DATASET EXTRACT Start Marker
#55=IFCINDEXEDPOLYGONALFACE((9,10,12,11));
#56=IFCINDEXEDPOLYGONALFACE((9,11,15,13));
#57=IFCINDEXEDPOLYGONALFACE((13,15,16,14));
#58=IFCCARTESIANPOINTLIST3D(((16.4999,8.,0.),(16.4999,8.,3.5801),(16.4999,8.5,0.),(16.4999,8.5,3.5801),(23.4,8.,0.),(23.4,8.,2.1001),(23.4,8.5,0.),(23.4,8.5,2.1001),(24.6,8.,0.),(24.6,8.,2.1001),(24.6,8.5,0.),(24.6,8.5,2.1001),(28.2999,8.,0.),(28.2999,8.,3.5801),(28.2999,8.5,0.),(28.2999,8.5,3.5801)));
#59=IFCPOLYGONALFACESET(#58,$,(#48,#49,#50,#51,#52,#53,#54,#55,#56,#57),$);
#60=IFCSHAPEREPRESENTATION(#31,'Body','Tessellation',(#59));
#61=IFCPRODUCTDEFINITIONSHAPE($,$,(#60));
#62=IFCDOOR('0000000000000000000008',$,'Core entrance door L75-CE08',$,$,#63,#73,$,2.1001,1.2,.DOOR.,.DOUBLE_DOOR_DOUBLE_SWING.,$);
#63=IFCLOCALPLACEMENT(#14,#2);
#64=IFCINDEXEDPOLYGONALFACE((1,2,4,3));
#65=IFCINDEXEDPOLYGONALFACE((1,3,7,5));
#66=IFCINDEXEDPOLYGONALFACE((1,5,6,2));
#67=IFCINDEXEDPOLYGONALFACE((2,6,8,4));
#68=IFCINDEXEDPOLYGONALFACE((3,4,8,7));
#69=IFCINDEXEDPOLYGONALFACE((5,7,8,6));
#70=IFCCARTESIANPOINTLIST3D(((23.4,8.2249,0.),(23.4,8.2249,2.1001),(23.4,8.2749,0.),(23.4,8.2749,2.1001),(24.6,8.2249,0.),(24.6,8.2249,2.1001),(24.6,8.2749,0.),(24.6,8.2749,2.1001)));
DATASET EXTRACT End Marker
DATASET EXTRACT Start Marker
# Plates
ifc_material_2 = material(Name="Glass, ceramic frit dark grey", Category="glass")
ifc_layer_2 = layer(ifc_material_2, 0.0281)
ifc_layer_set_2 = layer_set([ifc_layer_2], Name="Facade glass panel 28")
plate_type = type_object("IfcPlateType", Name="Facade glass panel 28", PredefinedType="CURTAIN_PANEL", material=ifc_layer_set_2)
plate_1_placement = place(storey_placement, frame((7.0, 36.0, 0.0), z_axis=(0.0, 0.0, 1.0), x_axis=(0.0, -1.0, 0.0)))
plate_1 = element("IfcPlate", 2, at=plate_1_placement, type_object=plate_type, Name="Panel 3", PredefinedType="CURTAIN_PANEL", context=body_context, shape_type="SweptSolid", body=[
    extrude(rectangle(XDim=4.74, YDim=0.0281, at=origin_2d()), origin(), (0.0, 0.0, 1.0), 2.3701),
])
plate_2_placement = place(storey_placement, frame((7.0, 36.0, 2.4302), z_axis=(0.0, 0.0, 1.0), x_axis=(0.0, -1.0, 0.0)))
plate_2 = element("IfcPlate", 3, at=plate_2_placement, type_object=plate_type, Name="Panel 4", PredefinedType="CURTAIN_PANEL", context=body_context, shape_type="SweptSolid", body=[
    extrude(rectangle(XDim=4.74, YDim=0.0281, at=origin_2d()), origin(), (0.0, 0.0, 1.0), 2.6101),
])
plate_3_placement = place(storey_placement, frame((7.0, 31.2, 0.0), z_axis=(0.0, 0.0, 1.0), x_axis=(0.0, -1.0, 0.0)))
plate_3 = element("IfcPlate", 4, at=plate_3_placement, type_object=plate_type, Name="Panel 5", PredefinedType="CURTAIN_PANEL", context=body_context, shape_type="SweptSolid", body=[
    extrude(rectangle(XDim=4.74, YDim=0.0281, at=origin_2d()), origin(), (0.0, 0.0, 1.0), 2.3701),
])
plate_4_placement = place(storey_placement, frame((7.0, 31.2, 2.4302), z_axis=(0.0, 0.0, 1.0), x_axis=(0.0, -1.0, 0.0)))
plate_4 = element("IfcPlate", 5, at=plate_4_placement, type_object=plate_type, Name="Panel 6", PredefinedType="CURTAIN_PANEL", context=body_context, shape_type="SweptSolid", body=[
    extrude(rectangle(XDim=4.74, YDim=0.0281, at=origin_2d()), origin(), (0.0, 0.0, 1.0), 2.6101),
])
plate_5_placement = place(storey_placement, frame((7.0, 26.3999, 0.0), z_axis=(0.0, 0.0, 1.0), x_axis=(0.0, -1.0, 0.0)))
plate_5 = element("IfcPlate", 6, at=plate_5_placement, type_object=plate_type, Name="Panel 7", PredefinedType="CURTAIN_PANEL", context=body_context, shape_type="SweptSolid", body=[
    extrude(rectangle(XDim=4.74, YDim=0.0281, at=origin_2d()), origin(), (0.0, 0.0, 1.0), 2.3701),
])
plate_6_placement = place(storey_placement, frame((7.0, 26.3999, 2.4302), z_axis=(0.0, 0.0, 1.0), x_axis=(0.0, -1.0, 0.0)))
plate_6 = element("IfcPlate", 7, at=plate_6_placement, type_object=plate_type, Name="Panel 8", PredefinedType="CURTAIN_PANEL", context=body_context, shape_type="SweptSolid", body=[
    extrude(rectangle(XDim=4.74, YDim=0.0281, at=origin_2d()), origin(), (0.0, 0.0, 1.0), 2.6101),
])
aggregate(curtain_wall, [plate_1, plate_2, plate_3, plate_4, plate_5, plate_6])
DATASET EXTRACT End Marker
DATASET EXTRACT Start Marker
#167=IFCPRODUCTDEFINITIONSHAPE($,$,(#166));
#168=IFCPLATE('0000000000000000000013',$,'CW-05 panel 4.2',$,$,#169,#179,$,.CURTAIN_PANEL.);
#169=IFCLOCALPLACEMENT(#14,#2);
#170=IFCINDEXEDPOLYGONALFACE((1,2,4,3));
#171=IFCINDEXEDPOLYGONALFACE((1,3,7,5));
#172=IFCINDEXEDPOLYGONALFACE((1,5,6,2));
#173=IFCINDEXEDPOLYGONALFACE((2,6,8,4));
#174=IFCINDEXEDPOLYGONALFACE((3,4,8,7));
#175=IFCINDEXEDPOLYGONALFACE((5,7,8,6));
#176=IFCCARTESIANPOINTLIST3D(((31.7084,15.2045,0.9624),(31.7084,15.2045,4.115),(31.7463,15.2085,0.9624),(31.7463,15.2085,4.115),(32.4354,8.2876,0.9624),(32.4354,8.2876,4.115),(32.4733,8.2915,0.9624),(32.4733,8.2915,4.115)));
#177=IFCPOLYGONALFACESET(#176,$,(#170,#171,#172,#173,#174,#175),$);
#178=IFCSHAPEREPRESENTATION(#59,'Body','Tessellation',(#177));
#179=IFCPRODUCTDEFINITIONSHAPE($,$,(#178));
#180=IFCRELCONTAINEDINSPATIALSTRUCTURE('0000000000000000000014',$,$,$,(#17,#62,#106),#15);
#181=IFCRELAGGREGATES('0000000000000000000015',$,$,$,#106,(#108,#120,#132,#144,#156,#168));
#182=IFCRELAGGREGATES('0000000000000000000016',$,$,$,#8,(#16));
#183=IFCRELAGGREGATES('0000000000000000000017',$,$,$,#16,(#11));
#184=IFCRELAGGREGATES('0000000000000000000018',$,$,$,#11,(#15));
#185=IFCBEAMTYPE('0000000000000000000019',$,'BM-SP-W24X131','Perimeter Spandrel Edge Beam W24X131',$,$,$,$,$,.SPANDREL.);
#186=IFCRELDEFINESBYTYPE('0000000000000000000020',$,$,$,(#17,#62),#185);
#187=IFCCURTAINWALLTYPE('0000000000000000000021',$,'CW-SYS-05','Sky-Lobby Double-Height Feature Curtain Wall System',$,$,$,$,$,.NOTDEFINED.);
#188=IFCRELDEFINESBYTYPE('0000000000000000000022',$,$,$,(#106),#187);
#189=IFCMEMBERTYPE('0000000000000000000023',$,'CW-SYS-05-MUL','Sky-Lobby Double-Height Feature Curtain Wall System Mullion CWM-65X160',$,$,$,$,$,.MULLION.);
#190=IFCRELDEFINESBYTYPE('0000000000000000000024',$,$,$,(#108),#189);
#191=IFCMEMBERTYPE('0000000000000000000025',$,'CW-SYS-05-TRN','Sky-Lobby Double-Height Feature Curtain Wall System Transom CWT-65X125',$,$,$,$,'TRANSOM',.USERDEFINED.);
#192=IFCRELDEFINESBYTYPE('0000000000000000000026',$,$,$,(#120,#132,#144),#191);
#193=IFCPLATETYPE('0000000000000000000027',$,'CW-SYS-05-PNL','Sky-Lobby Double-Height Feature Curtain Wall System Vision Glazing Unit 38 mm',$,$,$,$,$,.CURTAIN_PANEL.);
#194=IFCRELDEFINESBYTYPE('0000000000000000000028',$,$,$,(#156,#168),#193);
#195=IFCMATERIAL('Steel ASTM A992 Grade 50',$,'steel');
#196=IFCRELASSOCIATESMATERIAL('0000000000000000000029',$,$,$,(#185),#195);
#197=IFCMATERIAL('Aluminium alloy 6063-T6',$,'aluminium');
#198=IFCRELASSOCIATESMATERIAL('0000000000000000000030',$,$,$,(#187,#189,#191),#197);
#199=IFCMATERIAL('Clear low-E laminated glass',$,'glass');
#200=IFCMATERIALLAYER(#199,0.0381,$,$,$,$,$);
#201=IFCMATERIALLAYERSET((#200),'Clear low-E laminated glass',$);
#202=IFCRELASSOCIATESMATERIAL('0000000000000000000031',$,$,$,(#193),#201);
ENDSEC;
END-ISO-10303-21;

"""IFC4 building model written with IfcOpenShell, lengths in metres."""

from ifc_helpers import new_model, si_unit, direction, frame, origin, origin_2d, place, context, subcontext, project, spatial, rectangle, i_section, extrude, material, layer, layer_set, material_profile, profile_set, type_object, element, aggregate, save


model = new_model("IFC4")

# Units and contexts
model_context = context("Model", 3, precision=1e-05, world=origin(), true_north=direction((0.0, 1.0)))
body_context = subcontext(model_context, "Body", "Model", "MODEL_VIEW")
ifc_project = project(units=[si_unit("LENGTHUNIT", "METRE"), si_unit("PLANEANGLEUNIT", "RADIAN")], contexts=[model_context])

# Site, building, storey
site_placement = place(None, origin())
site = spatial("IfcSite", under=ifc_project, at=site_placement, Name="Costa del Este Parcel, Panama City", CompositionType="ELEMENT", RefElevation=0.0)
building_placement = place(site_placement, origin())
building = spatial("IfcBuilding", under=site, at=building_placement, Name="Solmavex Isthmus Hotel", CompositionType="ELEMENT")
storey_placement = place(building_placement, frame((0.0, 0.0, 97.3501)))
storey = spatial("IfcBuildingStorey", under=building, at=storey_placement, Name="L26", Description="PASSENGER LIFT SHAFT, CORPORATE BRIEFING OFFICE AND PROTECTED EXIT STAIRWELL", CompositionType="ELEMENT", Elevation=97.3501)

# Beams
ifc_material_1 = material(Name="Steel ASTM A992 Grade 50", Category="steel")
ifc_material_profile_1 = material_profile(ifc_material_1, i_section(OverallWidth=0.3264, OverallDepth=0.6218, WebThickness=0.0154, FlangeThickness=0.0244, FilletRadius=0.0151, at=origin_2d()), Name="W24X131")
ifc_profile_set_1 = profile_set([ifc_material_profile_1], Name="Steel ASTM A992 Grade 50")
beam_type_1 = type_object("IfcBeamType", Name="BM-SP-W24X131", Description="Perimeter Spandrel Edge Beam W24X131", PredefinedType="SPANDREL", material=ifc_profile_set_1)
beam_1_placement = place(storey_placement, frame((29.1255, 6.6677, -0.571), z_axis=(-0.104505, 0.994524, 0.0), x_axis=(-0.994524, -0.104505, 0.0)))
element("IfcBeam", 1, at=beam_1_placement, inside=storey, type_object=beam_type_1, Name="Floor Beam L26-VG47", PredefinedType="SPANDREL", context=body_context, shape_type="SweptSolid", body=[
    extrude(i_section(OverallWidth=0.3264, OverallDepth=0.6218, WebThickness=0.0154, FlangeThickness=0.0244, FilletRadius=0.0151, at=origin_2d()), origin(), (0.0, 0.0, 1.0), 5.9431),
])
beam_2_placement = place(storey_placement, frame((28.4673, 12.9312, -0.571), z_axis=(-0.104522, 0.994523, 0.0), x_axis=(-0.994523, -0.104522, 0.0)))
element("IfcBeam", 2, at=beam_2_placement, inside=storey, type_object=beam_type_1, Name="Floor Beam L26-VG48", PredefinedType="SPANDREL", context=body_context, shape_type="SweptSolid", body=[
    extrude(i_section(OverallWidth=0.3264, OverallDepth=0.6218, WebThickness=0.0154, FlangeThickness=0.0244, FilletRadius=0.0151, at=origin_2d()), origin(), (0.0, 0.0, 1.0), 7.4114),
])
DATASET EXTRACT End Marker
Reproduce word for word the material above, starting with the line that has "#182=IFCRELAGGREGATES('0000000000000000000016',$,$,$,#8,(#16));" and stopping after the line that has "#184=IFCRELAGGREGATES('0000000000000000000018',$,$,$,#11,(#15));".

#182=IFCRELAGGREGATES('0000000000000000000016',$,$,$,#8,(#16));
#183=IFCRELAGGREGATES('0000000000000000000017',$,$,$,#16,(#11));
#184=IFCRELAGGREGATES('0000000000000000000018',$,$,$,#11,(#15));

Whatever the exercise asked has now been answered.